Exercise
Find the line holding "#187=IFCPRODUCTDEFINITIONSHAPE($,$,(#186));" in the entries below. Give it again exactly, along with every line after it up to and including the line holding "#195=IFCINDEXEDPOLYGONALFACE((5,7,8,6));".

Dataset entries
-*-*-

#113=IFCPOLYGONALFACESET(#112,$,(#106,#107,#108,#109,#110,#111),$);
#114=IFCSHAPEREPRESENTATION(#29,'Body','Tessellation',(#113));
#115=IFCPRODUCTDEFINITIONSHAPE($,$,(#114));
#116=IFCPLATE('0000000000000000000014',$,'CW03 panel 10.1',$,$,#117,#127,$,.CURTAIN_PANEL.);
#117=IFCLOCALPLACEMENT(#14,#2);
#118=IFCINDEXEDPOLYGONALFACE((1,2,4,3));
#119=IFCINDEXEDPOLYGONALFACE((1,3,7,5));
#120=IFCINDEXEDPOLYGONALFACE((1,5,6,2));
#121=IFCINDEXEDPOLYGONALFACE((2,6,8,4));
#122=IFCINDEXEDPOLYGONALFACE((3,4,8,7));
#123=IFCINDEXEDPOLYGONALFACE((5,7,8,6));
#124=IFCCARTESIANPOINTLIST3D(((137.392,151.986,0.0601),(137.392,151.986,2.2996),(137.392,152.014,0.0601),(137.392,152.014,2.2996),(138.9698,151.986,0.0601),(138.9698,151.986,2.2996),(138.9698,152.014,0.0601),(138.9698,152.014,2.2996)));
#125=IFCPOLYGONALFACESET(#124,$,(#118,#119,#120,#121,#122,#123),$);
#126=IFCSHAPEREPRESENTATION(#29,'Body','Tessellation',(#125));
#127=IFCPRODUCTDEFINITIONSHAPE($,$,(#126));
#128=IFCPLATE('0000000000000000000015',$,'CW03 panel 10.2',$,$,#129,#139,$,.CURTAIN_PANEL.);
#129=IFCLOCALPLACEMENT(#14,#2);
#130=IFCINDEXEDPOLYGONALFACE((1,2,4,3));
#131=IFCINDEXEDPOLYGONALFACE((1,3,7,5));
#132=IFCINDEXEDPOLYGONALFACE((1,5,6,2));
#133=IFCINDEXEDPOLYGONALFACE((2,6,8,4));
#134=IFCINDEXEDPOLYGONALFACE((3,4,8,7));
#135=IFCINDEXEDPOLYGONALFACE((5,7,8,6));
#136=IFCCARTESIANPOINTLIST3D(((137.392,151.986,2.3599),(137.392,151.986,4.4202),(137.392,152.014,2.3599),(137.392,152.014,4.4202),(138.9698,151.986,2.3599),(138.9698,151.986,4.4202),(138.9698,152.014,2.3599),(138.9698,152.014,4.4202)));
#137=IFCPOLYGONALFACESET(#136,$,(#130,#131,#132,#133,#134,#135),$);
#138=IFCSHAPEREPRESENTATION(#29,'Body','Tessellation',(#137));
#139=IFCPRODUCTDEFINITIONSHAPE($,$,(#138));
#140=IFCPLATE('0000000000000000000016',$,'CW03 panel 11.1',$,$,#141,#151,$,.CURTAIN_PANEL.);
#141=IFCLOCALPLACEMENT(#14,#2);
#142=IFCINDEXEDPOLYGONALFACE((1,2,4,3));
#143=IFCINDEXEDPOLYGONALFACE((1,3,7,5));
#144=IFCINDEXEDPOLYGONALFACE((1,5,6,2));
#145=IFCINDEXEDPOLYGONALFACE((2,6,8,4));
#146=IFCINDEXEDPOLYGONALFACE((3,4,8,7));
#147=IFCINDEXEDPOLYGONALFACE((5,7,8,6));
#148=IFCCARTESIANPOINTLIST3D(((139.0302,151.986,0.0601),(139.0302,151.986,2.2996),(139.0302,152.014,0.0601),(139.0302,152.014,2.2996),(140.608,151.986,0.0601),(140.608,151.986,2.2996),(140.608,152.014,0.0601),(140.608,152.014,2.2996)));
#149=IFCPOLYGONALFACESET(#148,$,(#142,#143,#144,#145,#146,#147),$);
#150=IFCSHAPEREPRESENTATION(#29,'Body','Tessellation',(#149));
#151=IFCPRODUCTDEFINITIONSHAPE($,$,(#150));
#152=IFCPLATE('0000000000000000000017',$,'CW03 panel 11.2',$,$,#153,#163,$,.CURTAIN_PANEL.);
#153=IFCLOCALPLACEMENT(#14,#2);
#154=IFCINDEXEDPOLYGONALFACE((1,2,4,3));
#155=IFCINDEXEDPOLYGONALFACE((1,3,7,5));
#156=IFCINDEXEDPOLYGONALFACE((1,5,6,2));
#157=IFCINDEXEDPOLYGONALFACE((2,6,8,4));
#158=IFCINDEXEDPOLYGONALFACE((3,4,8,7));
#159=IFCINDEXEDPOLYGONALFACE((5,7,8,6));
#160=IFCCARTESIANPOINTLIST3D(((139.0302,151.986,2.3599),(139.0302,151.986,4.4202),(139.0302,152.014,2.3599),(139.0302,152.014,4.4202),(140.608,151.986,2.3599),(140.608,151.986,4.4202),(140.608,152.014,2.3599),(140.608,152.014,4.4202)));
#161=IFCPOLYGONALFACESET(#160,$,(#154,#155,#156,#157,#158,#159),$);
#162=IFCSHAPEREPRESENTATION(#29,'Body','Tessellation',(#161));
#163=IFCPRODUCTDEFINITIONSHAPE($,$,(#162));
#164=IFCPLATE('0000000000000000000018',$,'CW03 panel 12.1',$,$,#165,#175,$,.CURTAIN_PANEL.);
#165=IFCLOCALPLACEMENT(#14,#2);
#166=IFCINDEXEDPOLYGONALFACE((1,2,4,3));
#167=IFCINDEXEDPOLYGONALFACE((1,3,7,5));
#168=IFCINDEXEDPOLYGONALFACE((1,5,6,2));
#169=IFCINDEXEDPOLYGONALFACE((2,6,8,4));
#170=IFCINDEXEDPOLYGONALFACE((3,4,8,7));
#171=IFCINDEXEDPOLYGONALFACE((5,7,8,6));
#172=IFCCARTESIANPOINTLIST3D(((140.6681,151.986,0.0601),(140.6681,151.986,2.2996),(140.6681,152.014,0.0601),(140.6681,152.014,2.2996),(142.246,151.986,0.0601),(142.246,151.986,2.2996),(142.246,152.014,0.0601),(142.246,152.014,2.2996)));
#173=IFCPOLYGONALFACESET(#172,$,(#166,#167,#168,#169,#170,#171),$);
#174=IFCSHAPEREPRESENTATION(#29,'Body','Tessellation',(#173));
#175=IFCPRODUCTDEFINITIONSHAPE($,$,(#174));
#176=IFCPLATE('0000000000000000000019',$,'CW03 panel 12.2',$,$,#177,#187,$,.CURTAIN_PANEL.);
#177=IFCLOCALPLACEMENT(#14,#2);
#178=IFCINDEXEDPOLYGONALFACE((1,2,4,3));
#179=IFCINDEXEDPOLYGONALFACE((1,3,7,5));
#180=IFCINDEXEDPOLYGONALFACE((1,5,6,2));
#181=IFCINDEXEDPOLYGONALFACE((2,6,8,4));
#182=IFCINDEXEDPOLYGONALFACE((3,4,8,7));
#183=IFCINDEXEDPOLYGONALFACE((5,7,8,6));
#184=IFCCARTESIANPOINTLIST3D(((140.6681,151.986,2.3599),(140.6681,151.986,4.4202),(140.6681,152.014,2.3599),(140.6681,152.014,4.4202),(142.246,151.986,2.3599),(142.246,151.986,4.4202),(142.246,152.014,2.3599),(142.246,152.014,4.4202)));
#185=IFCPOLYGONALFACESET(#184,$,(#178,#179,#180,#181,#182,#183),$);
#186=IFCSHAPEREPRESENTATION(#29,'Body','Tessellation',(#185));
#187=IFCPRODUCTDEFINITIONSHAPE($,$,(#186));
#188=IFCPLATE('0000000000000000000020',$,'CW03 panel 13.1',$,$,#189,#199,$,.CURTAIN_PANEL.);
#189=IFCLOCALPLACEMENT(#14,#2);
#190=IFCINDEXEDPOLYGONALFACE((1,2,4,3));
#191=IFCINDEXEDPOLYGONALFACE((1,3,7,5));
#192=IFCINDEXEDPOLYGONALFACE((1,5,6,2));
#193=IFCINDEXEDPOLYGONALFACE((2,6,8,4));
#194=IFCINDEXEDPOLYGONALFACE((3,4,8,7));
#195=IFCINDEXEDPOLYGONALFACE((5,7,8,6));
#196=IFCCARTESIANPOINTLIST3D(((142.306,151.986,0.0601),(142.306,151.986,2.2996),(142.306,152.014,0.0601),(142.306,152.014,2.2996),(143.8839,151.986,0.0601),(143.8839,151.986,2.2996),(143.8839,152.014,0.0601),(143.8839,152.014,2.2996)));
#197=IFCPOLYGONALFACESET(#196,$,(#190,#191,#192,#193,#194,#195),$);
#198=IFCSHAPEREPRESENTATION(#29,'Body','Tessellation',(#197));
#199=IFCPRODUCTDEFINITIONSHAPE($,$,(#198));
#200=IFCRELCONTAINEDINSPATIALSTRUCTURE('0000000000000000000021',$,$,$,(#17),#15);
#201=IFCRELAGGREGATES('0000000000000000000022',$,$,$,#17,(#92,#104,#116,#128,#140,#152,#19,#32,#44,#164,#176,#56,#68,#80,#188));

-*-*-

Answer to the exercise
#187=IFCPRODUCTDEFINITIONSHAPE($,$,(#186));
#188=IFCPLATE('0000000000000000000020',$,'CW03 panel 13.1',$,$,#189,#199,$,.CURTAIN_PANEL.);
#189=IFCLOCALPLACEMENT(#14,#2);
#190=IFCINDEXEDPOLYGONALFACE((1,2,4,3));
#191=IFCINDEXEDPOLYGONALFACE((1,3,7,5));
#192=IFCINDEXEDPOLYGONALFACE((1,5,6,2));
#193=IFCINDEXEDPOLYGONALFACE((2,6,8,4));
#194=IFCINDEXEDPOLYGONALFACE((3,4,8,7));
#195=IFCINDEXEDPOLYGONALFACE((5,7,8,6));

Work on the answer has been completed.